Supplied records:
━━━━━━

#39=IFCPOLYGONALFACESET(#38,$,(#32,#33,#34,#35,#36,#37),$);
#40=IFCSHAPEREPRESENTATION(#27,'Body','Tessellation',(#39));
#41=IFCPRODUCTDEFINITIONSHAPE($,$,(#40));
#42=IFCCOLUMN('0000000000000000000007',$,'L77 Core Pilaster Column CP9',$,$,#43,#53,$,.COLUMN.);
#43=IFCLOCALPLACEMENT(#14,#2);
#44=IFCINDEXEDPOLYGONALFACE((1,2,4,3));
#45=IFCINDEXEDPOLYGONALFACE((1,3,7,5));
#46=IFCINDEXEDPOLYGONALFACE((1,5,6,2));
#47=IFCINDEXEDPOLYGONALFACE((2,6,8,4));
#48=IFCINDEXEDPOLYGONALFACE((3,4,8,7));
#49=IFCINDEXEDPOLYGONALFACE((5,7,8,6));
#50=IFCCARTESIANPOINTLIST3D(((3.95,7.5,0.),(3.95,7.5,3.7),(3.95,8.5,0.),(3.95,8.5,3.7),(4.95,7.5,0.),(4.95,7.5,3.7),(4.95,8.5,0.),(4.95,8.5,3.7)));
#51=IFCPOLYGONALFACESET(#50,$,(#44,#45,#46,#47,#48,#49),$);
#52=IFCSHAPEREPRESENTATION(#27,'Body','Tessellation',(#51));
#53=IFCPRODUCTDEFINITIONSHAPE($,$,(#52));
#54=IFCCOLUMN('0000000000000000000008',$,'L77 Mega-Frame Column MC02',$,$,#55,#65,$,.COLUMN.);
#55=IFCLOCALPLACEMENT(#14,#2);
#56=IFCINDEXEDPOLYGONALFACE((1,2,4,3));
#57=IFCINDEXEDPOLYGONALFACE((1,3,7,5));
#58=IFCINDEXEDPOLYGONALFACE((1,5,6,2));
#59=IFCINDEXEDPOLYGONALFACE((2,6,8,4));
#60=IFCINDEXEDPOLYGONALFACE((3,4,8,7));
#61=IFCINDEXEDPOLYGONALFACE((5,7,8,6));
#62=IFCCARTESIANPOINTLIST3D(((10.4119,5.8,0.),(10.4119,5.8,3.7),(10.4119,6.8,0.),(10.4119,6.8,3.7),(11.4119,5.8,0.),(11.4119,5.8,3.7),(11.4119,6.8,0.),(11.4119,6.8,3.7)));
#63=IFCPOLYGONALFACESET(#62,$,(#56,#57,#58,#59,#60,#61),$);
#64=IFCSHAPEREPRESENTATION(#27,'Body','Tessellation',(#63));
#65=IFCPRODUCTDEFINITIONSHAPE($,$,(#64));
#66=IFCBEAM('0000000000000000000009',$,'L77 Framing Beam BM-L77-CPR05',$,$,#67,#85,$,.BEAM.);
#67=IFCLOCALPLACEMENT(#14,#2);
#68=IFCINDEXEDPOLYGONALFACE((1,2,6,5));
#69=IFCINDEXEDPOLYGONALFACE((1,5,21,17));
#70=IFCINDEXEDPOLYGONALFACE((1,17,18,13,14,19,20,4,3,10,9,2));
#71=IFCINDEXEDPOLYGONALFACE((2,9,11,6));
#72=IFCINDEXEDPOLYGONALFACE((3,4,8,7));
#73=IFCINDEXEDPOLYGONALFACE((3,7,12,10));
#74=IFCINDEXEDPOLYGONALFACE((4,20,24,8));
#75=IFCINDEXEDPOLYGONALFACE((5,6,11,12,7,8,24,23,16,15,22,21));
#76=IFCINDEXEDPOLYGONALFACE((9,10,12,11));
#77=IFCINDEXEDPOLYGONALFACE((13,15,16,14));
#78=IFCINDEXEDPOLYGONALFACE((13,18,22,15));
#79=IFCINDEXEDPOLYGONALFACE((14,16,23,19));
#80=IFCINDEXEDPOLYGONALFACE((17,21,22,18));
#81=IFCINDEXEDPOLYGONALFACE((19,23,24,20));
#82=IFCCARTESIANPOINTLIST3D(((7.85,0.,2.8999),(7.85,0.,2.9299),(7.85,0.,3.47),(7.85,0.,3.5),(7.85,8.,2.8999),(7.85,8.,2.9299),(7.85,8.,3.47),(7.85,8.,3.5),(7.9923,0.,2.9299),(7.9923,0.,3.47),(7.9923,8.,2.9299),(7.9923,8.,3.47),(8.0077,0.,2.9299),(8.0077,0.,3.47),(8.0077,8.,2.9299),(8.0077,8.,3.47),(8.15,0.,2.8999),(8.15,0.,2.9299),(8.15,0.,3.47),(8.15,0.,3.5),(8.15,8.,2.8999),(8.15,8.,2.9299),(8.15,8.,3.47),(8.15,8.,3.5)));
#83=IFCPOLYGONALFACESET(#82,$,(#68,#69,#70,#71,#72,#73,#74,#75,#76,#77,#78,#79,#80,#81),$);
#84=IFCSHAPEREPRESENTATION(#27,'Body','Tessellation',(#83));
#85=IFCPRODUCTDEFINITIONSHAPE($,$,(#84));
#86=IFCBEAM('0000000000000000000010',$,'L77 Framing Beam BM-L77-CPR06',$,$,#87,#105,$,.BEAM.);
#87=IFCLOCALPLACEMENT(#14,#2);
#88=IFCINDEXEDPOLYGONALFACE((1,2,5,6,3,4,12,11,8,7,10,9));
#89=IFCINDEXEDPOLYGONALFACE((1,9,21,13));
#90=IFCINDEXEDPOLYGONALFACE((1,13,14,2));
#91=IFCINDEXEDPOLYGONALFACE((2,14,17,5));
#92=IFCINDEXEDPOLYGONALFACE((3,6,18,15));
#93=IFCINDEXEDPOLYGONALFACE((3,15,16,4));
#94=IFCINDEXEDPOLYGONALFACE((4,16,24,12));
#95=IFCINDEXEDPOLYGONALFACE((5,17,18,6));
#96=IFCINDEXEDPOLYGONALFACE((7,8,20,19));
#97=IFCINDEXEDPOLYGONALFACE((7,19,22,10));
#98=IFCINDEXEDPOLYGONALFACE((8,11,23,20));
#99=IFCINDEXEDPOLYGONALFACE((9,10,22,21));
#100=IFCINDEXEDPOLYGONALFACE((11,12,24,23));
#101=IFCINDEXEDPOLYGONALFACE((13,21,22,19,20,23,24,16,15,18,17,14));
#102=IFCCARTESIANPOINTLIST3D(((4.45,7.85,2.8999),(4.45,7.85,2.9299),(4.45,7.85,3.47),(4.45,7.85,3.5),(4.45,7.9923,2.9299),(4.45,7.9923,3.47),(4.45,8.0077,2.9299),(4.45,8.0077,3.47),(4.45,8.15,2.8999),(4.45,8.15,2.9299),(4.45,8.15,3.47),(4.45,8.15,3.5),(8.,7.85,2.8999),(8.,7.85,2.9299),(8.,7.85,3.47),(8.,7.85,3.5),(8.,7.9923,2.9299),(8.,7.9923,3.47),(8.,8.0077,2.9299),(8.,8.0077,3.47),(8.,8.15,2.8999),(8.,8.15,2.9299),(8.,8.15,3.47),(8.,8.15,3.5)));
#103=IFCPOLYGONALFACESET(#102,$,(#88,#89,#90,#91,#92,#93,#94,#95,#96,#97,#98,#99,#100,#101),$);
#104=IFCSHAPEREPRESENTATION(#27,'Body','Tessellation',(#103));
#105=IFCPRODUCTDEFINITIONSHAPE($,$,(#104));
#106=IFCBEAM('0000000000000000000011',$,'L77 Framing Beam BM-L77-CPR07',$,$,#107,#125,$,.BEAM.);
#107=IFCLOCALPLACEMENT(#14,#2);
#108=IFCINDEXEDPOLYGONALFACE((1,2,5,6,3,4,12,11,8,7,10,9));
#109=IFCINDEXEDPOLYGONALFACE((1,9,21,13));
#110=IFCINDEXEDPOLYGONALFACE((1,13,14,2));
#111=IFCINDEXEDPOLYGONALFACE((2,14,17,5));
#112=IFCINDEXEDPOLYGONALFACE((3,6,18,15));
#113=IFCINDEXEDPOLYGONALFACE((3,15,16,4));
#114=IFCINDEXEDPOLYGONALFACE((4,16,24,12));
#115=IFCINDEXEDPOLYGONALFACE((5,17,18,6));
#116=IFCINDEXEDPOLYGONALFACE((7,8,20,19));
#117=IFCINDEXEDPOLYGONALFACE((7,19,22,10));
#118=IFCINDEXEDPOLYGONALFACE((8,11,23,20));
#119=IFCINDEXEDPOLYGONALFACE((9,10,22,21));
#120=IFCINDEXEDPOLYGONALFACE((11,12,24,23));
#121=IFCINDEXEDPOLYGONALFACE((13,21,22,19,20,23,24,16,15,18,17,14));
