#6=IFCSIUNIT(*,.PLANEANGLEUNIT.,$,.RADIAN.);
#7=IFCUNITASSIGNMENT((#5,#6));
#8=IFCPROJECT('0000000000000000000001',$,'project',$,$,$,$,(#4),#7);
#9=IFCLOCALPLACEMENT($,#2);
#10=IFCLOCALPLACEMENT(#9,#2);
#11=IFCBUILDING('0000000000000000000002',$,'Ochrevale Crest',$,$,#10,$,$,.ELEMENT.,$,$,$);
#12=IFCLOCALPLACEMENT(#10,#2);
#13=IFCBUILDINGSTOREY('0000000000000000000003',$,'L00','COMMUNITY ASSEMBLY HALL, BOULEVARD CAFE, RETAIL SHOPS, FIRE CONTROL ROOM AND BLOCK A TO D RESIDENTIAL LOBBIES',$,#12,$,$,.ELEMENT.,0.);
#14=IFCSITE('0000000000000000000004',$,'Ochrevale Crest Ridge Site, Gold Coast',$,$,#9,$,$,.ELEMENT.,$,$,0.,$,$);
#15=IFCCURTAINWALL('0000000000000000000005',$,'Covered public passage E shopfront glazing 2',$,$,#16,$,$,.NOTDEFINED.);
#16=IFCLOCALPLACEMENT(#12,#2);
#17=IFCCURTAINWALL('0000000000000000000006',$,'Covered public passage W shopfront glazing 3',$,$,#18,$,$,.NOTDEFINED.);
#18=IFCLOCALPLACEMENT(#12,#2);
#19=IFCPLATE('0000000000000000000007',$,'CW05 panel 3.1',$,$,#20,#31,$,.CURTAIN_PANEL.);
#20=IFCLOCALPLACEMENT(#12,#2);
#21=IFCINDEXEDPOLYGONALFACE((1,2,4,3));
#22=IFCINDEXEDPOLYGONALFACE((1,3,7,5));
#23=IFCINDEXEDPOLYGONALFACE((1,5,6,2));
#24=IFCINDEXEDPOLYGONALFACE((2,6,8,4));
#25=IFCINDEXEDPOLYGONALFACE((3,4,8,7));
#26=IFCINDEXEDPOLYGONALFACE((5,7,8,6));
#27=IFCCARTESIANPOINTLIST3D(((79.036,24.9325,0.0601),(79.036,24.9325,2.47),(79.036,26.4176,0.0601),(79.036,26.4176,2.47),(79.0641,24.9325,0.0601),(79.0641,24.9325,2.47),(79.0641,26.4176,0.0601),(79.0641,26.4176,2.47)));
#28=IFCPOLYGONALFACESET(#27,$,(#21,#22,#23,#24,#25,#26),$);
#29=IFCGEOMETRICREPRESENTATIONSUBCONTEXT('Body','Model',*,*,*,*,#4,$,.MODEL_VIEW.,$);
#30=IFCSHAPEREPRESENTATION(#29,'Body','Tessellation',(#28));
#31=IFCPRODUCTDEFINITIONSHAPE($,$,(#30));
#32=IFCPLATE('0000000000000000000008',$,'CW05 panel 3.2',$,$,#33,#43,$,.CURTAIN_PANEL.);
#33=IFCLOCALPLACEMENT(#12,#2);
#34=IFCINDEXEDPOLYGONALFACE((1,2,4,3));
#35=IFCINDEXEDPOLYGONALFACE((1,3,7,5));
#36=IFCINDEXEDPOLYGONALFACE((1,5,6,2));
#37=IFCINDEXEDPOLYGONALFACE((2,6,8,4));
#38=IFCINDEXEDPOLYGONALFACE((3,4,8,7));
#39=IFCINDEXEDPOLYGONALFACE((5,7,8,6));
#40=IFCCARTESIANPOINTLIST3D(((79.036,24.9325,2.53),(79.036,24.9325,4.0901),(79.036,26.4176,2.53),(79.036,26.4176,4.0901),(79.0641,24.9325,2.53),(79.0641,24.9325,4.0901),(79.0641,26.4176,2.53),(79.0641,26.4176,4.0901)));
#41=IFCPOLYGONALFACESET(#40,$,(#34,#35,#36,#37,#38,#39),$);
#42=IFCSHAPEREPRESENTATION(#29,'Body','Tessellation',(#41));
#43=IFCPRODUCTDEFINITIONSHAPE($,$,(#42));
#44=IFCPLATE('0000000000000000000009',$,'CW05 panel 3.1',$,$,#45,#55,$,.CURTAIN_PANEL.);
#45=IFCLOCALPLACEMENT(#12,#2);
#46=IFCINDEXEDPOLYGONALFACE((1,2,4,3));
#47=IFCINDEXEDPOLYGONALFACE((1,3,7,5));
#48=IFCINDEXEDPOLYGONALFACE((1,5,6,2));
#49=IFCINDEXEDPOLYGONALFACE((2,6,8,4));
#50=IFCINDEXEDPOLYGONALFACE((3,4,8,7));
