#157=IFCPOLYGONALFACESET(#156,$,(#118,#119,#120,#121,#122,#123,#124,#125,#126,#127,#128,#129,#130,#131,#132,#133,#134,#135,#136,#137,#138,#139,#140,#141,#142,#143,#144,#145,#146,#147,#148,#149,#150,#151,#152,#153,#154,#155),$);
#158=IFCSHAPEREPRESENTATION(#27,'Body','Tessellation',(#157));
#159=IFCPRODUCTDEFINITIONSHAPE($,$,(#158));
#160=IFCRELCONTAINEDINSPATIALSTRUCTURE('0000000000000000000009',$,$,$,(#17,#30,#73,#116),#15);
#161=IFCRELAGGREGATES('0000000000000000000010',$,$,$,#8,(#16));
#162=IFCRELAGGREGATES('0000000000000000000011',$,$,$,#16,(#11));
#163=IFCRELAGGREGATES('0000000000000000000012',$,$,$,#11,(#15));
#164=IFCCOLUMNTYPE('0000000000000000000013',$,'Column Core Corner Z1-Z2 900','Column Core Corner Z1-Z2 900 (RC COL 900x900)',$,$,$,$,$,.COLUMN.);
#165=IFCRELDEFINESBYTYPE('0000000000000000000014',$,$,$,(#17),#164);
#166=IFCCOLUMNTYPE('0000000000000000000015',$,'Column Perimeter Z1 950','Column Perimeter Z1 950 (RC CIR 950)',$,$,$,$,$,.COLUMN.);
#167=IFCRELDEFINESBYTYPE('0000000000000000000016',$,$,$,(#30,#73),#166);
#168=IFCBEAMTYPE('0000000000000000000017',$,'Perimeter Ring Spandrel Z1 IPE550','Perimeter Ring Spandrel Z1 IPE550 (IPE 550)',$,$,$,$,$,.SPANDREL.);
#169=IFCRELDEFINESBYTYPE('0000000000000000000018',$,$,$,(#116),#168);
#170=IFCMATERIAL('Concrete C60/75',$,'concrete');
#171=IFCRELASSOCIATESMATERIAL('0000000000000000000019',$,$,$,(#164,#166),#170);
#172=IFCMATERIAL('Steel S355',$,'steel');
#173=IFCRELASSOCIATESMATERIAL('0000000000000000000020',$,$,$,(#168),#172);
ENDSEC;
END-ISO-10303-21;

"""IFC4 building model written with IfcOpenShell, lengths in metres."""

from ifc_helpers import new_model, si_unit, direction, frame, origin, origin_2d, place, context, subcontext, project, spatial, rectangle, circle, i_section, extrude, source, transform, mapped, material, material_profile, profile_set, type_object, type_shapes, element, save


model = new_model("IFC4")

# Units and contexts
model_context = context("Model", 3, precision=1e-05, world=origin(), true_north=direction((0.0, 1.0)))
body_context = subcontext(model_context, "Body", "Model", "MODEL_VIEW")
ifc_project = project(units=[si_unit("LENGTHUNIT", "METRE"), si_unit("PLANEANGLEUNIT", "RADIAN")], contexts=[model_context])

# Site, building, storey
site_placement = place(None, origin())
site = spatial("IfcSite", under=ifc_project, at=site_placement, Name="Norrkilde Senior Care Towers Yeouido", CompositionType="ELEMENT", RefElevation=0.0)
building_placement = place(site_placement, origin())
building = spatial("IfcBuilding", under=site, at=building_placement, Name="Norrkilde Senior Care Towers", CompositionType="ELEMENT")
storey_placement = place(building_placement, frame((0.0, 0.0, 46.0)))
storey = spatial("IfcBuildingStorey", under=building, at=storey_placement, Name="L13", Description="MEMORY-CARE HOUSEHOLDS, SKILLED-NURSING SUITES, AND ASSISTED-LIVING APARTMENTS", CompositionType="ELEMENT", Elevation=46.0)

━━━━━━

Work request:
Respond with a number only: how many lines in the material contain the string "IFCSHAPEREPRESENTATION"?

Answer space:
8